• TASK INSTRUCTIONS
Locate, in the data below, the line that contains "#35=IFCINDEXEDPOLYGONALFACE((27,29,33,31));" and the line that contains "#37=IFCINDEXEDPOLYGONALFACE((31,33,37,35));"; reproduce exactly those two lines and every line between them, nothing more.

====

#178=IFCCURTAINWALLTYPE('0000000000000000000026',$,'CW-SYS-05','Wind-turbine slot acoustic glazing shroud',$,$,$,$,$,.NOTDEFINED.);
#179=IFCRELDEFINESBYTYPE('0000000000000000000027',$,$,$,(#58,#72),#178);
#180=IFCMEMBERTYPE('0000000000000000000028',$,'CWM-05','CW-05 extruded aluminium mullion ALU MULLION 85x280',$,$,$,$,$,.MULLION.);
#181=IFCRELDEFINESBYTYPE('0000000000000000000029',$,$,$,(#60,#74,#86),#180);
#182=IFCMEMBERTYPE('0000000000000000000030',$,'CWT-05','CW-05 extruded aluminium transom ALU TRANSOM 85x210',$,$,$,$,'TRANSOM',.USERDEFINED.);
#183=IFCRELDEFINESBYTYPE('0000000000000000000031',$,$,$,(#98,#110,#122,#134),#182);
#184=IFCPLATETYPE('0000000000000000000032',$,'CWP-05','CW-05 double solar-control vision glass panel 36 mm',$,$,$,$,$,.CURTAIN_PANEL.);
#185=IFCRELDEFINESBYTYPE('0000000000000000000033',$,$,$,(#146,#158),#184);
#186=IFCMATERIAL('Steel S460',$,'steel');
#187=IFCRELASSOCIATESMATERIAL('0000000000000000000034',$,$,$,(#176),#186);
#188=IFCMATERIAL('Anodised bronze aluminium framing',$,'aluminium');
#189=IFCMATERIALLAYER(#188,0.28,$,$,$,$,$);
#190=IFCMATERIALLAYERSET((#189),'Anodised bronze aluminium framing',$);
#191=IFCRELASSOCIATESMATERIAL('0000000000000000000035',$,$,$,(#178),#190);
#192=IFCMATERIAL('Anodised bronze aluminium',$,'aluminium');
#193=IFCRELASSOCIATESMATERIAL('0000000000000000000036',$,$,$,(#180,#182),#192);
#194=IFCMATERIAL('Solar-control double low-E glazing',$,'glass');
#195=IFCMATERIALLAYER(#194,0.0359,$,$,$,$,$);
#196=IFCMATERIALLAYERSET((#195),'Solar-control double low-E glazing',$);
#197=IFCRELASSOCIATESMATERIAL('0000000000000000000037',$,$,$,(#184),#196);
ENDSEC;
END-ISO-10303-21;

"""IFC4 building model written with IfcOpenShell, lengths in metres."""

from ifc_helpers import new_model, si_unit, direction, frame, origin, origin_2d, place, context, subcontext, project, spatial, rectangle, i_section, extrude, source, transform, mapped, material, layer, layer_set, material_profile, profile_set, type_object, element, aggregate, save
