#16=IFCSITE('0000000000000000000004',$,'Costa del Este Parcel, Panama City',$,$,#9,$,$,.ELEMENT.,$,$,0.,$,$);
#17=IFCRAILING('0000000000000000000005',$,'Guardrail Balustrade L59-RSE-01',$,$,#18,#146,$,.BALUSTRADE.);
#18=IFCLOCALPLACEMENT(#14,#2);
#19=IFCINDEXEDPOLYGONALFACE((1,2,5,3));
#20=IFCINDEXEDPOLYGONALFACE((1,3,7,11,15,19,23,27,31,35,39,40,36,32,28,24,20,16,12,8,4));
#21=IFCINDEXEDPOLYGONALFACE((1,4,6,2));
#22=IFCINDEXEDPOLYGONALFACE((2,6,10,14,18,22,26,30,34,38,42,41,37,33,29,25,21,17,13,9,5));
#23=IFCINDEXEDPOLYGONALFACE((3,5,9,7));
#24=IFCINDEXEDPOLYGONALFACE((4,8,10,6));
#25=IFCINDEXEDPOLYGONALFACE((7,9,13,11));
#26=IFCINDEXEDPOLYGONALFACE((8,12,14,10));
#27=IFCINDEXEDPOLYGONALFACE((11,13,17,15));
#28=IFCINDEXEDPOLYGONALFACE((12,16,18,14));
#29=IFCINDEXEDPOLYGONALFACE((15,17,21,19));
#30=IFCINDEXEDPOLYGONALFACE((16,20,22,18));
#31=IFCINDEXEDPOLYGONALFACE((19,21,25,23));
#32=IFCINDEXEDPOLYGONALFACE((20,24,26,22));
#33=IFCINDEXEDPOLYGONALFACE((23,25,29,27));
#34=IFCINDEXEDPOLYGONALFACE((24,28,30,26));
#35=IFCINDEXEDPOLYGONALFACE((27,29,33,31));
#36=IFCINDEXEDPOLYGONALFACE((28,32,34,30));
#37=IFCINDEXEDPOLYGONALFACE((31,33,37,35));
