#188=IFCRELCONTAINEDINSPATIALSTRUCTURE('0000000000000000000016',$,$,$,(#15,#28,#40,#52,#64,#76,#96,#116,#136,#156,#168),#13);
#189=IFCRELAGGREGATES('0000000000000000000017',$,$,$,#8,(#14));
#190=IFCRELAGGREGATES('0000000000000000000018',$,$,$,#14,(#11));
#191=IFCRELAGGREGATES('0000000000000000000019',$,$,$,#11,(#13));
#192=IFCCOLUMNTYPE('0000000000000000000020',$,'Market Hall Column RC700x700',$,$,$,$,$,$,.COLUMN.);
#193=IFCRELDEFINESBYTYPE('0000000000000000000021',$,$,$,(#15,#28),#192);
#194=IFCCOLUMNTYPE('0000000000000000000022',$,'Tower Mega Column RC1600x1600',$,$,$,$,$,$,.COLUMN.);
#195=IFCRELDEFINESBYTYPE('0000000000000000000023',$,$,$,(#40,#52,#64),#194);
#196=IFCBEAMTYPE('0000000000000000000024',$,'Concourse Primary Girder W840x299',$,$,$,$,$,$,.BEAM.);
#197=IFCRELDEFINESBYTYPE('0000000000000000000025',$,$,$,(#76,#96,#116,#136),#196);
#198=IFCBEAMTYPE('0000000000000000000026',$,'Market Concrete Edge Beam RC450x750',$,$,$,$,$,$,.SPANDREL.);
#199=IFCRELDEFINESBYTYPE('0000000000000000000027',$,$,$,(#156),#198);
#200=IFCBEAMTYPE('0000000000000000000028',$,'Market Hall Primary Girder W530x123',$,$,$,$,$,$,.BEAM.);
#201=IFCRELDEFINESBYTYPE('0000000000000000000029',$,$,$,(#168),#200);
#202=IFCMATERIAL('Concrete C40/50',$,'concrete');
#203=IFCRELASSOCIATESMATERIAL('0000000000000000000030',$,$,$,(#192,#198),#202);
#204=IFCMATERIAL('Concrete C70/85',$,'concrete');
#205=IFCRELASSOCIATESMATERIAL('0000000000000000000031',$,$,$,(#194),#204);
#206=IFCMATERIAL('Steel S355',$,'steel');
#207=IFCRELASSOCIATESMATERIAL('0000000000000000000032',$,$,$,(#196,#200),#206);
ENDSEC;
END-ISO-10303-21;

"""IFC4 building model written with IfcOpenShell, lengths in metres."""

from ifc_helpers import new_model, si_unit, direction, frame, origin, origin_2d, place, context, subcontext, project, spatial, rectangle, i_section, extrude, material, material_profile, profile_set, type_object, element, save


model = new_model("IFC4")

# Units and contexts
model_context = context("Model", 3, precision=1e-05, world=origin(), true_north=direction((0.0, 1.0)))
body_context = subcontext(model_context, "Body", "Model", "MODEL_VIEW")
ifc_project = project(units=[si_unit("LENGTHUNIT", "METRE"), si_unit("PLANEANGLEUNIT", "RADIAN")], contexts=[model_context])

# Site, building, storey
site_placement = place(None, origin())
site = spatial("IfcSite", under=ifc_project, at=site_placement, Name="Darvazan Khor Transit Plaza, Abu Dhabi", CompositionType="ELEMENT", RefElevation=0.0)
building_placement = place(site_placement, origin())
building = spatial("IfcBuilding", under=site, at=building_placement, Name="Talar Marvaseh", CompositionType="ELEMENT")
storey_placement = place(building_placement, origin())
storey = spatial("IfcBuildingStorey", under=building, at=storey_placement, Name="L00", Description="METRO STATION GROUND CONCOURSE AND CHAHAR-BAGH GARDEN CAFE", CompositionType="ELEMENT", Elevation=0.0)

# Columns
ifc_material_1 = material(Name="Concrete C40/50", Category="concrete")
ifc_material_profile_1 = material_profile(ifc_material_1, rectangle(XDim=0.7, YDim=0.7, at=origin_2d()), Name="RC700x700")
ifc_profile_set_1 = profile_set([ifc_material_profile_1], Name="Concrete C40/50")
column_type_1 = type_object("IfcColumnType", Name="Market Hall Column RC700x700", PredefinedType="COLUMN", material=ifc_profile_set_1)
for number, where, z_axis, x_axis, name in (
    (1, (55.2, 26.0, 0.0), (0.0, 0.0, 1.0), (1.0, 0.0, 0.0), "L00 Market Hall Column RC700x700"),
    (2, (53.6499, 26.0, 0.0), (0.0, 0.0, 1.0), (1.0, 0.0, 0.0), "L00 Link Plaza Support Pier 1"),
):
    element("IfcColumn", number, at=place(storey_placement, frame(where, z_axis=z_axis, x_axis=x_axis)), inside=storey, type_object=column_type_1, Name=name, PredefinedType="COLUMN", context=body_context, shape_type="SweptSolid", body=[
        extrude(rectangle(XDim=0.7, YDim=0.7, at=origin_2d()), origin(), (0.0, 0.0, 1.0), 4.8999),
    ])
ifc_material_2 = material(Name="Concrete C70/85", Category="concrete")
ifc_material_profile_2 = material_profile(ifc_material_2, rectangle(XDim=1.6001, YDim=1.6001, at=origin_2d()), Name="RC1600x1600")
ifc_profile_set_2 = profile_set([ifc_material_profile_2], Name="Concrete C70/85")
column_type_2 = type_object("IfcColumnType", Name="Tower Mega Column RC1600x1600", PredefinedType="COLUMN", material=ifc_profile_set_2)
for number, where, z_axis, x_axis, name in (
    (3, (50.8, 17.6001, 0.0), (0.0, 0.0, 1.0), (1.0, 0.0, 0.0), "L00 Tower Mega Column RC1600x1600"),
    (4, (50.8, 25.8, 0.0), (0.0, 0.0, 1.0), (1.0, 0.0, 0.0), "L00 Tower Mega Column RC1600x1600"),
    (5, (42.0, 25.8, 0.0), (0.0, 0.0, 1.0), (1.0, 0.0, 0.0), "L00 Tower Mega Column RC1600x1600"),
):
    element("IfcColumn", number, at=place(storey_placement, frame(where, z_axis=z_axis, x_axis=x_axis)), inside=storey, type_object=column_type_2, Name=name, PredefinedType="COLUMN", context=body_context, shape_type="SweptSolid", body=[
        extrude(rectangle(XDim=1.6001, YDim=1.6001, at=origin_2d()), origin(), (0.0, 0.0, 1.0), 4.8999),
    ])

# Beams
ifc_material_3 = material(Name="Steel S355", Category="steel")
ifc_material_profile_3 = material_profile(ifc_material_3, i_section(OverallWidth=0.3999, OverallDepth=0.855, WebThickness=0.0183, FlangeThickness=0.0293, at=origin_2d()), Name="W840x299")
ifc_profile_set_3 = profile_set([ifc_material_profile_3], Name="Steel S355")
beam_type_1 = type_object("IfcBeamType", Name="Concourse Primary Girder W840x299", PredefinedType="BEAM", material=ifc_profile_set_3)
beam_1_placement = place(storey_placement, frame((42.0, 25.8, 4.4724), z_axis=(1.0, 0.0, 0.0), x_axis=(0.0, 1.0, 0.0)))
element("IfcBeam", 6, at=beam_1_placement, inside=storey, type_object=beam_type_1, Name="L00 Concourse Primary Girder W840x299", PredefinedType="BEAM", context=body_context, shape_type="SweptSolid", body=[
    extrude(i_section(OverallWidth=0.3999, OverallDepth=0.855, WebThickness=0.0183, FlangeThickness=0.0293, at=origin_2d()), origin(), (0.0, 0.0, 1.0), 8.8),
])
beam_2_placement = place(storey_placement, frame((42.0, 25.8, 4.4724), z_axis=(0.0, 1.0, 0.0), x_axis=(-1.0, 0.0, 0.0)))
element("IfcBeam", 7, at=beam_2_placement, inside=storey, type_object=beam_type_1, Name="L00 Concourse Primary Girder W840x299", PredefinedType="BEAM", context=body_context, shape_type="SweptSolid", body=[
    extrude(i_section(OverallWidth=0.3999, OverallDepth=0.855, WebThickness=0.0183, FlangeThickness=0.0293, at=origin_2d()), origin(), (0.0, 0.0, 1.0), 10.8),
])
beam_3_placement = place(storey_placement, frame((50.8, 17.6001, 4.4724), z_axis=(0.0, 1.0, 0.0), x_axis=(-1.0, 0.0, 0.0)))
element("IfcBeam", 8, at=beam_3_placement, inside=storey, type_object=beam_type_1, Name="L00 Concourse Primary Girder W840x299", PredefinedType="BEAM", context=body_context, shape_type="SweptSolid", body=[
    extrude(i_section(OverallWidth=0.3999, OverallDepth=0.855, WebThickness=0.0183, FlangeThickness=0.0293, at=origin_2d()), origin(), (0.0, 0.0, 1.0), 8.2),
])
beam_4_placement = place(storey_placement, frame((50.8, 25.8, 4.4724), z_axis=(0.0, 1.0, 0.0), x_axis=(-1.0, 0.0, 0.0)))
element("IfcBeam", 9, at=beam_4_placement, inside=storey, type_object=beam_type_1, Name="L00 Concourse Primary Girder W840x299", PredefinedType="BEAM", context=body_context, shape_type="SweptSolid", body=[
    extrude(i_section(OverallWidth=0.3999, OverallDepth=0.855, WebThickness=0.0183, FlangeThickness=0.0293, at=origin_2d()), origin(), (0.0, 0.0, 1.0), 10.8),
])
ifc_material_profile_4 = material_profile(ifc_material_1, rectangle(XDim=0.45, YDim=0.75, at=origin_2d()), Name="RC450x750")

====

• WORKED SOLUTION
#35=IFCINDEXEDPOLYGONALFACE((27,29,33,31));
#36=IFCINDEXEDPOLYGONALFACE((28,32,34,30));
#37=IFCINDEXEDPOLYGONALFACE((31,33,37,35));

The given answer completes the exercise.